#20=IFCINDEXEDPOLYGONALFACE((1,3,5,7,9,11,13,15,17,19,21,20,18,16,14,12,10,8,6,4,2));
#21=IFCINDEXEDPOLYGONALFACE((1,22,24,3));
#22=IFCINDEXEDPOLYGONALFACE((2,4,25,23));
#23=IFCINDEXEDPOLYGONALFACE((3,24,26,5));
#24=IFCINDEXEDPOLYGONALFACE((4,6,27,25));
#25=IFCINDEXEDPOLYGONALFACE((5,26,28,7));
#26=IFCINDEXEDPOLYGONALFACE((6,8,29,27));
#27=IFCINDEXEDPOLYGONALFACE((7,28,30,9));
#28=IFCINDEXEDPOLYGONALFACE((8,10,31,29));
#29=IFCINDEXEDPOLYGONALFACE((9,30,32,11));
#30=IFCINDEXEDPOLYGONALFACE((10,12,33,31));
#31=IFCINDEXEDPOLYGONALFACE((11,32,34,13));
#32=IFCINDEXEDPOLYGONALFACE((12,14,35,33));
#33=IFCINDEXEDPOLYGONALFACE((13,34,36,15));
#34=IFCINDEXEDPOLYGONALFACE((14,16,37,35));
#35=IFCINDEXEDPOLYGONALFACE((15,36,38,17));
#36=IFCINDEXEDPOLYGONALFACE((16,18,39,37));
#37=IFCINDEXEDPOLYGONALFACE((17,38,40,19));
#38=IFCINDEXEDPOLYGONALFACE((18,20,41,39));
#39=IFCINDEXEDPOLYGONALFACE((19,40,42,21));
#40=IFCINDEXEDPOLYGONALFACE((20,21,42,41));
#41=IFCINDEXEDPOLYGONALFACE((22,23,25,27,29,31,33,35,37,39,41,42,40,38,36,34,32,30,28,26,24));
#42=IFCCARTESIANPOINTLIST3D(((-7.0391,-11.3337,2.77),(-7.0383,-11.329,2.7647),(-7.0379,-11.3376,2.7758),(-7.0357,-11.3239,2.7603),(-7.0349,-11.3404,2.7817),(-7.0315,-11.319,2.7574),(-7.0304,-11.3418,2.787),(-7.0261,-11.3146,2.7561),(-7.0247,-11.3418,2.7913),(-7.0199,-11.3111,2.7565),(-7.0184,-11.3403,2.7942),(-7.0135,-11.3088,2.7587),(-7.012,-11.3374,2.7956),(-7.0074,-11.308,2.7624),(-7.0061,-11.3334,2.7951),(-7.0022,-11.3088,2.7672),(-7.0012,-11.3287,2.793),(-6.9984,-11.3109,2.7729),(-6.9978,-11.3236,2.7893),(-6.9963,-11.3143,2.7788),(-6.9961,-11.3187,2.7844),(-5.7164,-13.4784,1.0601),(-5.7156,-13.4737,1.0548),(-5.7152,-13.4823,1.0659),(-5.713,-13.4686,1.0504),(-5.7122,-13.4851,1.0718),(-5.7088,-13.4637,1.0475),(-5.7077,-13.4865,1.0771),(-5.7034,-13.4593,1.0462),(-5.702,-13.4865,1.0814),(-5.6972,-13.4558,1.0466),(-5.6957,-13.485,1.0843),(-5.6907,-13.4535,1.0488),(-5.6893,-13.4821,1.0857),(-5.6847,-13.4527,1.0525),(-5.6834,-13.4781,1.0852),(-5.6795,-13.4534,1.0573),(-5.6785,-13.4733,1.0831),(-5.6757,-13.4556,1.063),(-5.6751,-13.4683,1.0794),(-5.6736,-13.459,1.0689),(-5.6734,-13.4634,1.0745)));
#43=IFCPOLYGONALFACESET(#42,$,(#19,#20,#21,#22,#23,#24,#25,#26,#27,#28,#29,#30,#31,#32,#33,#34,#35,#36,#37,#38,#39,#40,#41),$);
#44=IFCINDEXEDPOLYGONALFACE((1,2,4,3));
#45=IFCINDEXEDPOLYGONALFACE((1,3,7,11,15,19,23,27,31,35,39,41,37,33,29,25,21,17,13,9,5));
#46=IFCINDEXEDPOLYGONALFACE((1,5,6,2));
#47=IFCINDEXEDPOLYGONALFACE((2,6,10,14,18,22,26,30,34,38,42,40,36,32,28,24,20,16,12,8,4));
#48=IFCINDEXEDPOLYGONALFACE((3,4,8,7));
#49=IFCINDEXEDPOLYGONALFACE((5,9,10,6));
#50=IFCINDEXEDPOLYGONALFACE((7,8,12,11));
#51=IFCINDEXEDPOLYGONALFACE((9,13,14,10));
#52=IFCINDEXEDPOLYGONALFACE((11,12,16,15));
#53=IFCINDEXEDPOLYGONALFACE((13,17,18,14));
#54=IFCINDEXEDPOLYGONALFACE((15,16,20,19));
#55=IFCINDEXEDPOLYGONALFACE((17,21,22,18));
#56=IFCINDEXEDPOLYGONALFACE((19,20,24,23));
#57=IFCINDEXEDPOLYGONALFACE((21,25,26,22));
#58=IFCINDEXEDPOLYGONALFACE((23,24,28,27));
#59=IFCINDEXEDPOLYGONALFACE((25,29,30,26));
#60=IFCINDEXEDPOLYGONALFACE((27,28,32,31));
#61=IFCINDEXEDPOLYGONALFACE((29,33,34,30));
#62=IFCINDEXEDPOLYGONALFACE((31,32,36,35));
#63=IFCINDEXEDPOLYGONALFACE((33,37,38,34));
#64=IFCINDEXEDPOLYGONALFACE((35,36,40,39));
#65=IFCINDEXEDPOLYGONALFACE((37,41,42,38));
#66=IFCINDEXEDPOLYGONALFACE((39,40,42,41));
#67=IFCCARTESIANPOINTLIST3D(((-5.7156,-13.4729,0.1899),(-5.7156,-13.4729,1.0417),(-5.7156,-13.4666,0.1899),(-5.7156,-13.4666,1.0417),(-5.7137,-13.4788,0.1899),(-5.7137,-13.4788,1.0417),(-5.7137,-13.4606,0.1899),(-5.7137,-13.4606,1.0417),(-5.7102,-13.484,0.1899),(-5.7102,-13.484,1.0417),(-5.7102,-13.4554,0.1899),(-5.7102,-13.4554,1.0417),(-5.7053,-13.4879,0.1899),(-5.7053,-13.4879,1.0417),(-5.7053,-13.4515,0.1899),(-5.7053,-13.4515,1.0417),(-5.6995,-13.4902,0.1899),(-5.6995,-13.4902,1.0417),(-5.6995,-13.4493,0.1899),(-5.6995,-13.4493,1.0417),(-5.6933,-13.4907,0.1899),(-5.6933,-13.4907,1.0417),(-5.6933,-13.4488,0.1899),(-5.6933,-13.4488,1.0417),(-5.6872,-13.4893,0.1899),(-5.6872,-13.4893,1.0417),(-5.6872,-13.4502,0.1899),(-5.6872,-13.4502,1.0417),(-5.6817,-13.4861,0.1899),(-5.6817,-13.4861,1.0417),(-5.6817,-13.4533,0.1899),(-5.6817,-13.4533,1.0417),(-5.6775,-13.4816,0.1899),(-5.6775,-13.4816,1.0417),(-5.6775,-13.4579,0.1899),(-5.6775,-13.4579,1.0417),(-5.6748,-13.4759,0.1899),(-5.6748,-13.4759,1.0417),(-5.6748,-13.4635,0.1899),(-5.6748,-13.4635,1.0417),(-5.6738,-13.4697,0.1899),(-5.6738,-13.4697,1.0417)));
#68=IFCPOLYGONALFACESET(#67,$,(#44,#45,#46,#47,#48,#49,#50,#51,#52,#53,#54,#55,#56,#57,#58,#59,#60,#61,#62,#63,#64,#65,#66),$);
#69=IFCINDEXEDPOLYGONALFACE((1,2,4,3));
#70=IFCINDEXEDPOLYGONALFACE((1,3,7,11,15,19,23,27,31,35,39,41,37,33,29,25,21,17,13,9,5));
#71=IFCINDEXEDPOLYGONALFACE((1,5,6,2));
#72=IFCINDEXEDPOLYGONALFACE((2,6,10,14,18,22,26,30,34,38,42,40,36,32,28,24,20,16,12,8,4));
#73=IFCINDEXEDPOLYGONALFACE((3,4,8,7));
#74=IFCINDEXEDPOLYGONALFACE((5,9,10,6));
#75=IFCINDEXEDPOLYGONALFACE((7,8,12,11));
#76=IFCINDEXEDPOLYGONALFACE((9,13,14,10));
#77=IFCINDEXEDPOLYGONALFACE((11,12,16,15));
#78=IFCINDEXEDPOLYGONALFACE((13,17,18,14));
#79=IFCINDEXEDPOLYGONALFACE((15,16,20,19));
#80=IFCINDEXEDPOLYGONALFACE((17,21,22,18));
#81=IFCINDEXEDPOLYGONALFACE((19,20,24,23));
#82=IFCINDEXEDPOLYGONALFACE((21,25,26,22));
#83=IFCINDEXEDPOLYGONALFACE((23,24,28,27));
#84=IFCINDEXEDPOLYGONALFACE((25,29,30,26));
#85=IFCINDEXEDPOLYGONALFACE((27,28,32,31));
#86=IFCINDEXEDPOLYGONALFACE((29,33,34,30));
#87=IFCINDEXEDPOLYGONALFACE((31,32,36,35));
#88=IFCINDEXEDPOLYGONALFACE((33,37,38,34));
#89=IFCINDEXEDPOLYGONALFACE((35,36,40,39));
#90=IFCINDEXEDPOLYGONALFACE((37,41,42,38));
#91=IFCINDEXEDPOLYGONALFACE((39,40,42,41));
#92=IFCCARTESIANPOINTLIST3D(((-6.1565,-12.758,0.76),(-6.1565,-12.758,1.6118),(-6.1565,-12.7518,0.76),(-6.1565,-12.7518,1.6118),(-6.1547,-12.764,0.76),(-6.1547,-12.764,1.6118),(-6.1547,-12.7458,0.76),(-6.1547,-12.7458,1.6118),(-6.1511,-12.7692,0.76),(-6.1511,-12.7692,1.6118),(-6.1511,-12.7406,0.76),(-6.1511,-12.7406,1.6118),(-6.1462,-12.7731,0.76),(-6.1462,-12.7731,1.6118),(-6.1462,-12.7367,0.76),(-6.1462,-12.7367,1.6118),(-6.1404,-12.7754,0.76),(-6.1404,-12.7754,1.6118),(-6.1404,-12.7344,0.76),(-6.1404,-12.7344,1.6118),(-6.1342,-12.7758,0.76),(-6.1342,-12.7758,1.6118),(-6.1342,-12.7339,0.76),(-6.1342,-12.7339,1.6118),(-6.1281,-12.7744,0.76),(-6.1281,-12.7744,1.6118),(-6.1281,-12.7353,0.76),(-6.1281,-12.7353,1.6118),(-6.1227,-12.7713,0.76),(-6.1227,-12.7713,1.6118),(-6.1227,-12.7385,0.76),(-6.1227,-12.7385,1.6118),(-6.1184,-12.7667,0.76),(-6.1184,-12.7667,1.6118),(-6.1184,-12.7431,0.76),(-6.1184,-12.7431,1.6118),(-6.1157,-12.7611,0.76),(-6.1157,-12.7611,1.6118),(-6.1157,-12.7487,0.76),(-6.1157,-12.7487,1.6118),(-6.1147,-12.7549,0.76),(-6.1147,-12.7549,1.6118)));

_PROBLEM STATEMENT_: Starting at the line above that contains "#58=IFCINDEXEDPOLYGONALFACE((23,24,28,27));", repeat each line exactly up to and including the line that contains "#66=IFCINDEXEDPOLYGONALFACE((39,40,42,41));", and stop there.

_RESPONSE BELOW_:
#58=IFCINDEXEDPOLYGONALFACE((23,24,28,27));
#59=IFCINDEXEDPOLYGONALFACE((25,29,30,26));
#60=IFCINDEXEDPOLYGONALFACE((27,28,32,31));
#61=IFCINDEXEDPOLYGONALFACE((29,33,34,30));
#62=IFCINDEXEDPOLYGONALFACE((31,32,36,35));
#63=IFCINDEXEDPOLYGONALFACE((33,37,38,34));
#64=IFCINDEXEDPOLYGONALFACE((35,36,40,39));
#65=IFCINDEXEDPOLYGONALFACE((37,41,42,38));
#66=IFCINDEXEDPOLYGONALFACE((39,40,42,41));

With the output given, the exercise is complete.